(Data items)
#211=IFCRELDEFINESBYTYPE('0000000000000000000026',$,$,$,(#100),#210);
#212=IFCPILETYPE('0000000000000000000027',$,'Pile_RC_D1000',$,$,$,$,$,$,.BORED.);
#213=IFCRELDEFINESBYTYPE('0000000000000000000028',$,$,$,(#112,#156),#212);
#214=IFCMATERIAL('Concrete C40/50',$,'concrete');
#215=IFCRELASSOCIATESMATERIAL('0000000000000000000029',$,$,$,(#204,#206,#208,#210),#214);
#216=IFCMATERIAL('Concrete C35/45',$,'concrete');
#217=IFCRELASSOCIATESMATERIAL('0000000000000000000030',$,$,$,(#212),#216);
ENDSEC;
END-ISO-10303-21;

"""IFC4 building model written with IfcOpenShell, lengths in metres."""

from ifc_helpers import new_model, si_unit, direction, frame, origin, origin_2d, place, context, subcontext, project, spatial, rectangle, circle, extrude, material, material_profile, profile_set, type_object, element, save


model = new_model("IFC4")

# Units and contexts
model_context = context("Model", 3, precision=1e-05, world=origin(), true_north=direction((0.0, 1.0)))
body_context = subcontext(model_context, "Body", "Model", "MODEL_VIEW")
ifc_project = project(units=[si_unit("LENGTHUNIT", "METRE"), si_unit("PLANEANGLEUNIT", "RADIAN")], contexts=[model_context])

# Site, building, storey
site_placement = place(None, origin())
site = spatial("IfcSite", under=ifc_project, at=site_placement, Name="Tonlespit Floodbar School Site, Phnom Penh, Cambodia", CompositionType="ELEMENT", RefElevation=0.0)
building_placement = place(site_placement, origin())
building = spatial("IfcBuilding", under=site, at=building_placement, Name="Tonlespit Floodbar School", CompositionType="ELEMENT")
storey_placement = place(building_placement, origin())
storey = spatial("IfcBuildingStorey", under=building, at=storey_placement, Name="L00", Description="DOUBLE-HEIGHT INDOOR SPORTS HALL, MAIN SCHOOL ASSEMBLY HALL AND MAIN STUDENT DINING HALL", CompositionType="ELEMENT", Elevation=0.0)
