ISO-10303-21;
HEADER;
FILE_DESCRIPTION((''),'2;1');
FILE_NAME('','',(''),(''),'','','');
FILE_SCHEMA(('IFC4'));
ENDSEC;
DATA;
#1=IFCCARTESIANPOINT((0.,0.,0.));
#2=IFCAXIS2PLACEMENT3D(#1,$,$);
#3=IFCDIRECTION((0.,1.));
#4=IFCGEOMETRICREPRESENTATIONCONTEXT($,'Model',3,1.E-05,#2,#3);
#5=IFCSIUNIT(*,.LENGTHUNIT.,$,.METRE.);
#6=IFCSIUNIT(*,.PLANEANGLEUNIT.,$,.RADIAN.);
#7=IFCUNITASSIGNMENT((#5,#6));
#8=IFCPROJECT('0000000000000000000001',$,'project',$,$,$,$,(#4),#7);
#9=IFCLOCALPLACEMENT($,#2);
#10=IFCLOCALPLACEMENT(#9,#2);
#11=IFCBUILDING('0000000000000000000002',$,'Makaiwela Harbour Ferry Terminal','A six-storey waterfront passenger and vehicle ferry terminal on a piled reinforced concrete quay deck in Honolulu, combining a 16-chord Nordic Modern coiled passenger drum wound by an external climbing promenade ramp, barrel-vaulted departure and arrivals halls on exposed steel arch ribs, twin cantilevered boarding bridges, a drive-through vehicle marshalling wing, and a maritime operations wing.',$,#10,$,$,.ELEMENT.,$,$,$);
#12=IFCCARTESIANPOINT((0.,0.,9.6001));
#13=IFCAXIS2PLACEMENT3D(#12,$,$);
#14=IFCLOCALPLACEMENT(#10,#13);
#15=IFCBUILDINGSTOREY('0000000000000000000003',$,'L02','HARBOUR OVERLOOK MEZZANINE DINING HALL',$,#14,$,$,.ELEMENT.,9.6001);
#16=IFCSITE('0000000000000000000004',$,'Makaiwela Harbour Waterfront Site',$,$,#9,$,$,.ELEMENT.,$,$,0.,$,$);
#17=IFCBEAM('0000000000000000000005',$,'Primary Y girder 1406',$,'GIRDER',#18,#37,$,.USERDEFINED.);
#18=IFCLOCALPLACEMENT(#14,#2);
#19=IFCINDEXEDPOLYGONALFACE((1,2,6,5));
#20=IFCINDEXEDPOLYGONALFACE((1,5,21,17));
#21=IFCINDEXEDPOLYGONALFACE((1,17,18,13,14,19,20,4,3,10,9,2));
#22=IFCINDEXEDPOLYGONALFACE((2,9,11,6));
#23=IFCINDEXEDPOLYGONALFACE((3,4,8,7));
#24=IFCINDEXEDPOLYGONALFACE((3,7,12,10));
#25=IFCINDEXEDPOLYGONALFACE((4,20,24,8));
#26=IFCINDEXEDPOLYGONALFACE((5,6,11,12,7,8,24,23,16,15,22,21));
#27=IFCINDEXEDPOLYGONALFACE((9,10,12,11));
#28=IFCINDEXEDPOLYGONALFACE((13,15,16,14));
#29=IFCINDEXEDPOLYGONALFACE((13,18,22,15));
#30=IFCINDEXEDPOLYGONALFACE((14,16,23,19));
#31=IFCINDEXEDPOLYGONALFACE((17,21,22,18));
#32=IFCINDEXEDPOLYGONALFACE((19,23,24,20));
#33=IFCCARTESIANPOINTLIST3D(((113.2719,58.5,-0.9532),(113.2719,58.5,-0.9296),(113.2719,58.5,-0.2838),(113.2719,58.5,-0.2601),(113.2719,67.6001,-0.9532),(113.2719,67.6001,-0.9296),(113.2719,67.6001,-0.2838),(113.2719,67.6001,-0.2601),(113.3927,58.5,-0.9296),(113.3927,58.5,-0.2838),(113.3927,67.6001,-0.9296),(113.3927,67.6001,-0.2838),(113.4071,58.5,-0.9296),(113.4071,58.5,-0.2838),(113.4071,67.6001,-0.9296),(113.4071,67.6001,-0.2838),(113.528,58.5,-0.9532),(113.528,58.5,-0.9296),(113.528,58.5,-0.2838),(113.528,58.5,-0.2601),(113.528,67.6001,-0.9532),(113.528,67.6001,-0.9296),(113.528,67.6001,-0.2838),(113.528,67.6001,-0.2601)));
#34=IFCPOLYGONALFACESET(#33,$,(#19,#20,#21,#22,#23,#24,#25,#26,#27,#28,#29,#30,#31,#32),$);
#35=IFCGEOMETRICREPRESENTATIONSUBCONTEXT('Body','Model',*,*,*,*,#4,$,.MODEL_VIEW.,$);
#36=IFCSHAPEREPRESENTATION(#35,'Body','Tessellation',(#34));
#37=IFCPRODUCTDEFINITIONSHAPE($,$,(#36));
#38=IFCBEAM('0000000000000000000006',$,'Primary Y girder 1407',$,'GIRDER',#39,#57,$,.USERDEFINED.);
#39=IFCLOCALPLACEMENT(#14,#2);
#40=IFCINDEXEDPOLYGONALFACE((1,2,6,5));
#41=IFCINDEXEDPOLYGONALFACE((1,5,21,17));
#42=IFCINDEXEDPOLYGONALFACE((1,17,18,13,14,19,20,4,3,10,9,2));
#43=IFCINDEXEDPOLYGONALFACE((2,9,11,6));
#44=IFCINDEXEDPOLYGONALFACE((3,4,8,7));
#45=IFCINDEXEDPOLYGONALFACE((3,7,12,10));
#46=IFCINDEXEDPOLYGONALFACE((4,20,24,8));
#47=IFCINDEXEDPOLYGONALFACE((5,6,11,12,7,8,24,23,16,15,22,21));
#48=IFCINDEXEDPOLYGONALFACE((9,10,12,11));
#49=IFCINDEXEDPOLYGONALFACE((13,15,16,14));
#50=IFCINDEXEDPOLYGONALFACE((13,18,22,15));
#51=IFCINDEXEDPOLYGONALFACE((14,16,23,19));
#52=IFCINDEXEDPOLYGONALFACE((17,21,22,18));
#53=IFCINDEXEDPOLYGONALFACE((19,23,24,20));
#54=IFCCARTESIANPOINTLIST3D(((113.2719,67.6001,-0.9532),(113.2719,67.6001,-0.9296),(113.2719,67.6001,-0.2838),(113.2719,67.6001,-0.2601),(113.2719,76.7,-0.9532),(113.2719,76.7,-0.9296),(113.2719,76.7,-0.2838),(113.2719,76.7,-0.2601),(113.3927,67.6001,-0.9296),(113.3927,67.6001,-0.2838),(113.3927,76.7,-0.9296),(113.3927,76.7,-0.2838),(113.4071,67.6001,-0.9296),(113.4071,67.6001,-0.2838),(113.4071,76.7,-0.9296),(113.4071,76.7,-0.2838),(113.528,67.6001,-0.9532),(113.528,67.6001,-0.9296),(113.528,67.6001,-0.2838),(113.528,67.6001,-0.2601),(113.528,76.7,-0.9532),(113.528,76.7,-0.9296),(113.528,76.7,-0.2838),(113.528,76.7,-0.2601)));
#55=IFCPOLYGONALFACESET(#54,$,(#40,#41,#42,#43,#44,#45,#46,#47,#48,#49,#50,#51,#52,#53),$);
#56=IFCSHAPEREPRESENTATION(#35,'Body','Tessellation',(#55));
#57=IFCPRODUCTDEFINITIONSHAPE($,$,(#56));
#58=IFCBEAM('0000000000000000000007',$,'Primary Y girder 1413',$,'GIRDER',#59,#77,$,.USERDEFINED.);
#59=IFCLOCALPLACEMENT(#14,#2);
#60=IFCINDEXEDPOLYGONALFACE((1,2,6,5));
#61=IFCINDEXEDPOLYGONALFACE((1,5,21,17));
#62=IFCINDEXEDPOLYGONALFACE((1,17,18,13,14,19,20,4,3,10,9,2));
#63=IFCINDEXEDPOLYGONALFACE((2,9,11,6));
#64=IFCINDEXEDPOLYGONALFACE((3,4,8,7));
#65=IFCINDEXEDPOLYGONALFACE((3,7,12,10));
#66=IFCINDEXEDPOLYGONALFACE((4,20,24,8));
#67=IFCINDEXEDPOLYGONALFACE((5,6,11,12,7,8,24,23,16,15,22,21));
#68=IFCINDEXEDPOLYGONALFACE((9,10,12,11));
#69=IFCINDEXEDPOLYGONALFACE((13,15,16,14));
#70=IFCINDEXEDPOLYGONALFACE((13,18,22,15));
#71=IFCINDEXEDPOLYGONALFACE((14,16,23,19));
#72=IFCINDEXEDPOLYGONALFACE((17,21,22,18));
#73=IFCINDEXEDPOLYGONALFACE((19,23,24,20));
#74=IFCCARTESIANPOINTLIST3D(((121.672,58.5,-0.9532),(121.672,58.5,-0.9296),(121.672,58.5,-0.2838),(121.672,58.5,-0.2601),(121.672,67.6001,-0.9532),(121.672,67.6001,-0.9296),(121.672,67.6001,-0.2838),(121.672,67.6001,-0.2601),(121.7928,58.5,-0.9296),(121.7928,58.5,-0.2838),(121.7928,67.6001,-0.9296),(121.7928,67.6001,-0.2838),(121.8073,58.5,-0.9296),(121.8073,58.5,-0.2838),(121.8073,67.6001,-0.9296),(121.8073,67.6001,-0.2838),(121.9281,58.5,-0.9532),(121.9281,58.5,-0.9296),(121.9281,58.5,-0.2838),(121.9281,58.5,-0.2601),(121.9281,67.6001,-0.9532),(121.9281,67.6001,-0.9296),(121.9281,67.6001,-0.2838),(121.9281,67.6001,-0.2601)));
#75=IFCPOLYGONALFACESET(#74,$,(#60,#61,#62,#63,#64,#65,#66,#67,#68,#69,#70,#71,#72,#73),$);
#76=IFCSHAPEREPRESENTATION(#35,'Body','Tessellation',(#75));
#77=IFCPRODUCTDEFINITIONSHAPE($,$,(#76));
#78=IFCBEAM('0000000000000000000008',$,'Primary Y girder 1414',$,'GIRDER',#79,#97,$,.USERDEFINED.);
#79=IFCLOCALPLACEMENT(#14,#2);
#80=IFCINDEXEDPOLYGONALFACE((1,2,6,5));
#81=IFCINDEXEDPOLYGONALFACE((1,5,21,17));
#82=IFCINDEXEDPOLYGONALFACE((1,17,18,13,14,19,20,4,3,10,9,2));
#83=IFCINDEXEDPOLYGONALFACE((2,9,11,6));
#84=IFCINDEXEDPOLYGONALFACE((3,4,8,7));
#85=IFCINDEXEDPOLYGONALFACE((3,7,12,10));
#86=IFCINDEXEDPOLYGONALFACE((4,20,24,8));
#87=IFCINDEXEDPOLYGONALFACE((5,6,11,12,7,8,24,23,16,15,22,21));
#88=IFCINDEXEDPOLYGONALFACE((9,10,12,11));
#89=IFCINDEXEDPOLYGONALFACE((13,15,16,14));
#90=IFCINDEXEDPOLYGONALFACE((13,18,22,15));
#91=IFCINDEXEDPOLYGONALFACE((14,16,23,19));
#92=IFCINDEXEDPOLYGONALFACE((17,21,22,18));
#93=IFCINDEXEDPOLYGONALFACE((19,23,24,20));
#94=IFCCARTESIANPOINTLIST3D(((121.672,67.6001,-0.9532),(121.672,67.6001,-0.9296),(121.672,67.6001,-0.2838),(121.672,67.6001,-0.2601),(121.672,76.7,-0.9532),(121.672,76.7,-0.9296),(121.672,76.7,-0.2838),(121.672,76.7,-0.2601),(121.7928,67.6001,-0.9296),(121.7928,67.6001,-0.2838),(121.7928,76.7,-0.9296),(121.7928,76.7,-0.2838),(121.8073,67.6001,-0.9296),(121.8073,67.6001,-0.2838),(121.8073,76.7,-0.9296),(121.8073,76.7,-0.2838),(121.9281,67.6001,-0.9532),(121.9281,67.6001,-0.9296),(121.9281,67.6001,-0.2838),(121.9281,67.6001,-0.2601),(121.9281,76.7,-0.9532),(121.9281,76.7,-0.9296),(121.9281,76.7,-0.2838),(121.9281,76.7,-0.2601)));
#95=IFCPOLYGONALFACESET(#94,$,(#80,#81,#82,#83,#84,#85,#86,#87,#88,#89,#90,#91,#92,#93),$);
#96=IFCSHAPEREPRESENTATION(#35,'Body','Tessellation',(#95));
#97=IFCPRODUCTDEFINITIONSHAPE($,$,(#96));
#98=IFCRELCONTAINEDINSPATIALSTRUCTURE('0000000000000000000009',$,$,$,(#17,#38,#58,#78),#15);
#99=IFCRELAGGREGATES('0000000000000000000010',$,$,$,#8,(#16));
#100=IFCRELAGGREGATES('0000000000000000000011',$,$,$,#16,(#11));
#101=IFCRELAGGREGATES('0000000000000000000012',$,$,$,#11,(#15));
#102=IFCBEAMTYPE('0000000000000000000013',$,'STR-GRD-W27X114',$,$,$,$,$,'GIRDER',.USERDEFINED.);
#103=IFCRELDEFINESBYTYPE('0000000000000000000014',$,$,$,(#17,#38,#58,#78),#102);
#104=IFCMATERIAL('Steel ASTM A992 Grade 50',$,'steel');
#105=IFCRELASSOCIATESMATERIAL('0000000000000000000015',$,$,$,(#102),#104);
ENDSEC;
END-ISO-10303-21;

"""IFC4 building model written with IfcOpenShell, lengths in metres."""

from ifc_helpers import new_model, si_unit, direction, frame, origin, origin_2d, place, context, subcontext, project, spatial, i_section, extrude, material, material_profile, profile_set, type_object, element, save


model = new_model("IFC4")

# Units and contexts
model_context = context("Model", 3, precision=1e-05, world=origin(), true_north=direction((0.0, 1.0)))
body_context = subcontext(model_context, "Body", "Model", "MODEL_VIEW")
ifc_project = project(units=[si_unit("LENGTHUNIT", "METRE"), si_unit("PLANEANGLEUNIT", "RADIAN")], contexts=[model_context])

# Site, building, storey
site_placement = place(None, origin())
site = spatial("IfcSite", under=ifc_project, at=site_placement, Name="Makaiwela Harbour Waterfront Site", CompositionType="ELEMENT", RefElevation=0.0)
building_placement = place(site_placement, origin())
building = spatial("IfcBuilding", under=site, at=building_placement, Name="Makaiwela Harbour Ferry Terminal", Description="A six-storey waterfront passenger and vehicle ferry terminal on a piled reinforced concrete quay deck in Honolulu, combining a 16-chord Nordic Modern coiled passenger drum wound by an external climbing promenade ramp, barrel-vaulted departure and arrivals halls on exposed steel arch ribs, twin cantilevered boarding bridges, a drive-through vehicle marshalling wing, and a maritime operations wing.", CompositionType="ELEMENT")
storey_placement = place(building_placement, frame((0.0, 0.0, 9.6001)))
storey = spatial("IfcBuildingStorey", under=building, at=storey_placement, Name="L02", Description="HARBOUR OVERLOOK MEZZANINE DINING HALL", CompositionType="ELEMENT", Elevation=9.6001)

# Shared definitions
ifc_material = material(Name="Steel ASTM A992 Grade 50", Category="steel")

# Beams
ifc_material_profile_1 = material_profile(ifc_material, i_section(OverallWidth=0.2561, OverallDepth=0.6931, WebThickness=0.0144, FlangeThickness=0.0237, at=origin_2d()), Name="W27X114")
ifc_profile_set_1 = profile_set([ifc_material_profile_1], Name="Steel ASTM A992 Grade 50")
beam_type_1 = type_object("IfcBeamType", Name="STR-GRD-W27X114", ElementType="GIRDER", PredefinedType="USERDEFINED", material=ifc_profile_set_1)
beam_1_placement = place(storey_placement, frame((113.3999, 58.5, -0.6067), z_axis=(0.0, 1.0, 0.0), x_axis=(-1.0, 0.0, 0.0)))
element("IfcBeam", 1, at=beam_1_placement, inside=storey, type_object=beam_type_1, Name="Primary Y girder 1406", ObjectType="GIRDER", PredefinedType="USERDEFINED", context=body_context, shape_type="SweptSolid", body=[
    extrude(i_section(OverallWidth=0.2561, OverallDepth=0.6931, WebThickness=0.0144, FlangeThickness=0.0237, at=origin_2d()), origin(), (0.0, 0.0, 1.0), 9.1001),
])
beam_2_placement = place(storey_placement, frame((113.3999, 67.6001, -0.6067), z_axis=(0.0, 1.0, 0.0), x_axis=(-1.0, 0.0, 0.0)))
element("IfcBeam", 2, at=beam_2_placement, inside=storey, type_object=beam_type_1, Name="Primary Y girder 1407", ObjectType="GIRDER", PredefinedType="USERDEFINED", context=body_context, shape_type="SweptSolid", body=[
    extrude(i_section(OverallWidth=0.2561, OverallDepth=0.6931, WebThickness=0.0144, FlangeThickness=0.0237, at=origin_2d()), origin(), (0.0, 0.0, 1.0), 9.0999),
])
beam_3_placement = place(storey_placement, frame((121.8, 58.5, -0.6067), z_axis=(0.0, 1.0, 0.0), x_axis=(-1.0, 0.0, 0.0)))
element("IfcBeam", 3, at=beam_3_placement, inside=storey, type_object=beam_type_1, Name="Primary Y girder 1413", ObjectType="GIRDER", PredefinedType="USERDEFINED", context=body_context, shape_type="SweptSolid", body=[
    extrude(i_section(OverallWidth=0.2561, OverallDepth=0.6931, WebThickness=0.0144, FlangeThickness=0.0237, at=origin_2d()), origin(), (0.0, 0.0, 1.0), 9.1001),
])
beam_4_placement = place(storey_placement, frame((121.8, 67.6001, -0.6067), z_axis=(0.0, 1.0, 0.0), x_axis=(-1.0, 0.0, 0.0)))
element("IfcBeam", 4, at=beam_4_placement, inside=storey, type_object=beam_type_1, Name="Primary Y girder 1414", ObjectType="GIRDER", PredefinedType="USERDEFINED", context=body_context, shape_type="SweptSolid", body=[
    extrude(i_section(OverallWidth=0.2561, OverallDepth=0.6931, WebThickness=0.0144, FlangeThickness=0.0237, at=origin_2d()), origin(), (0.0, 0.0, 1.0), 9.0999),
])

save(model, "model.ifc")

## WHAT YOU SHOULD DO
Check the data above and report how many lines include the word "IFCPOLYGONALFACESET", using a bare number.

## RESULT FOR THIS EXERCISE
4